- WHAT YOU WILL DO: Reproduce each line from the records that holds "IFCSIUNIT".
• • • • • • •
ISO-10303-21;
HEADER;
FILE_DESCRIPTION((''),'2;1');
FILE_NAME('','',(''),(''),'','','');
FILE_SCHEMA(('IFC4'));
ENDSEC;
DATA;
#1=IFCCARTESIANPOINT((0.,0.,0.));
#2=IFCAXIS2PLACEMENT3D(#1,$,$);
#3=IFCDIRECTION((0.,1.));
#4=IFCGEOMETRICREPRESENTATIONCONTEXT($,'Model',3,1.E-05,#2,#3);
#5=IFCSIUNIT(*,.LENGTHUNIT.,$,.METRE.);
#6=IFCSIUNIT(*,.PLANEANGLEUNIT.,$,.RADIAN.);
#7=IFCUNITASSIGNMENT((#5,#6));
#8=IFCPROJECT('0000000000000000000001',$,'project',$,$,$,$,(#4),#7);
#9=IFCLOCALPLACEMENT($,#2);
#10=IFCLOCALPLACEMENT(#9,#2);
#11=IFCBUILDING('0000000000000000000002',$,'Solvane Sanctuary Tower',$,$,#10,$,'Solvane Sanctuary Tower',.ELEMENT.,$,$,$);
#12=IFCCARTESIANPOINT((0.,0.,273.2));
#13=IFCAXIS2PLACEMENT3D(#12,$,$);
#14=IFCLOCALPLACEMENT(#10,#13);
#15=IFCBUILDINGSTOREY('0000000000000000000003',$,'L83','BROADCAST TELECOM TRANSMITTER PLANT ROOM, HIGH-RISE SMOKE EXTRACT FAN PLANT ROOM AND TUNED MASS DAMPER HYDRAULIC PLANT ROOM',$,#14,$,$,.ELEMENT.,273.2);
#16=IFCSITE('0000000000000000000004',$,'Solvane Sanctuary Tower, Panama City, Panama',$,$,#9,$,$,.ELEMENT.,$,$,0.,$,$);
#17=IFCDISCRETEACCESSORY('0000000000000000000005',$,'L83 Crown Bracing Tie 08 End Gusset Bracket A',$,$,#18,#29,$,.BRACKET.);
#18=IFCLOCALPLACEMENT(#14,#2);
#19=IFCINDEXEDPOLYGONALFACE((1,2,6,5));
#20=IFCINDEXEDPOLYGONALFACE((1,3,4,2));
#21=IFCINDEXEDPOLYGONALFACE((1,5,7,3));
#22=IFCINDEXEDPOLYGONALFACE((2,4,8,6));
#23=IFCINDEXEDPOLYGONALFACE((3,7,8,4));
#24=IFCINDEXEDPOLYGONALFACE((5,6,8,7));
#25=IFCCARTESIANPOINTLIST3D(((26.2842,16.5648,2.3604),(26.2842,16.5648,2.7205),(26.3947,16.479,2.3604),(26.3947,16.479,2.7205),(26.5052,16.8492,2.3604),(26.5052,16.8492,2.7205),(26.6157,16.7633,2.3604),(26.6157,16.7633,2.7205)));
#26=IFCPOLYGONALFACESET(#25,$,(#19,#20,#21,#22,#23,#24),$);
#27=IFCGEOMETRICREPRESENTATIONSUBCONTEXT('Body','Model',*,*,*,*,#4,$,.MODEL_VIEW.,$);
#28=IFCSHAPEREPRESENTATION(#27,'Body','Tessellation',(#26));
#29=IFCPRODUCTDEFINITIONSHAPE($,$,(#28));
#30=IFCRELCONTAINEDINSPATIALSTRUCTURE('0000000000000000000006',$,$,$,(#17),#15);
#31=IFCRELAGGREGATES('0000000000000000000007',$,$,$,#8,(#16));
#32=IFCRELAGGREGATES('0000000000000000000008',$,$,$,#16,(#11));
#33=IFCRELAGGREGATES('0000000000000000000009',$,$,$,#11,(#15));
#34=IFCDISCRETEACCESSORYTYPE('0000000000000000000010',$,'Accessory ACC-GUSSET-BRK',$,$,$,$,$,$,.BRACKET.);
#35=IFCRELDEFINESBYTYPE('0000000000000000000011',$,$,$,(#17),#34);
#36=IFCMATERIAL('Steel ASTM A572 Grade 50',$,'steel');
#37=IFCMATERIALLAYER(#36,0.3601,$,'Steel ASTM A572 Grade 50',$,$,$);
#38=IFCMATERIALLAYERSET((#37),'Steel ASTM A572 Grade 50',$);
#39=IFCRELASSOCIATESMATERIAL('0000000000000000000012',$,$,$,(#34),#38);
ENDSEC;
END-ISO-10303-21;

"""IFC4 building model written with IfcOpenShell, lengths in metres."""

from ifc_helpers import new_model, si_unit, direction, frame, origin, origin_2d, place, context, subcontext, project, spatial, rectangle, extrude, material, layer, layer_set, type_object, element, save


model = new_model("IFC4")

# Units and contexts
model_context = context("Model", 3, precision=1e-05, world=origin(), true_north=direction((0.0, 1.0)))
body_context = subcontext(model_context, "Body", "Model", "MODEL_VIEW")
ifc_project = project(units=[si_unit("LENGTHUNIT", "METRE"), si_unit("PLANEANGLEUNIT", "RADIAN")], contexts=[model_context])

# Site, building, storey
site_placement = place(None, origin())
site = spatial("IfcSite", under=ifc_project, at=site_placement, Name="Solvane Sanctuary Tower, Panama City, Panama", CompositionType="ELEMENT", RefElevation=0.0)
building_placement = place(site_placement, origin())
building = spatial("IfcBuilding", under=site, at=building_placement, Name="Solvane Sanctuary Tower", LongName="Solvane Sanctuary Tower", CompositionType="ELEMENT")
storey_placement = place(building_placement, frame((0.0, 0.0, 273.2)))
storey = spatial("IfcBuildingStorey", under=building, at=storey_placement, Name="L83", Description="BROADCAST TELECOM TRANSMITTER PLANT ROOM, HIGH-RISE SMOKE EXTRACT FAN PLANT ROOM AND TUNED MASS DAMPER HYDRAULIC PLANT ROOM", CompositionType="ELEMENT", Elevation=273.2)

# Discrete accessory
ifc_material_1 = material(Name="Steel ASTM A572 Grade 50", Category="steel")
ifc_layer_1 = layer(ifc_material_1, 0.3601, Name="Steel ASTM A572 Grade 50")
ifc_layer_set_1 = layer_set([ifc_layer_1], Name="Steel ASTM A572 Grade 50")
discrete_accessory_type = type_object("IfcDiscreteAccessoryType", Name="Accessory ACC-GUSSET-BRK", PredefinedType="BRACKET", material=ifc_layer_set_1)
discrete_accessory_placement = place(storey_placement, frame((26.45, 16.6641, 2.3604), z_axis=(0.0, 0.0, 1.0), x_axis=(-0.613596, -0.78962, 0.0)))
element("IfcDiscreteAccessory", 1, at=discrete_accessory_placement, inside=storey, type_object=discrete_accessory_type, Name="L83 Crown Bracing Tie 08 End Gusset Bracket A", PredefinedType="BRACKET", context=body_context, shape_type="SweptSolid", body=[
    extrude(rectangle(XDim=0.3601, YDim=0.1399, at=origin_2d()), origin(), (0.0, 0.0, 1.0), 0.3601),
])

save(model, "model.ifc")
• • • • • • •
- RESPONSE AREA:
#5=IFCSIUNIT(*,.LENGTHUNIT.,$,.METRE.);
#6=IFCSIUNIT(*,.PLANEANGLEUNIT.,$,.RADIAN.);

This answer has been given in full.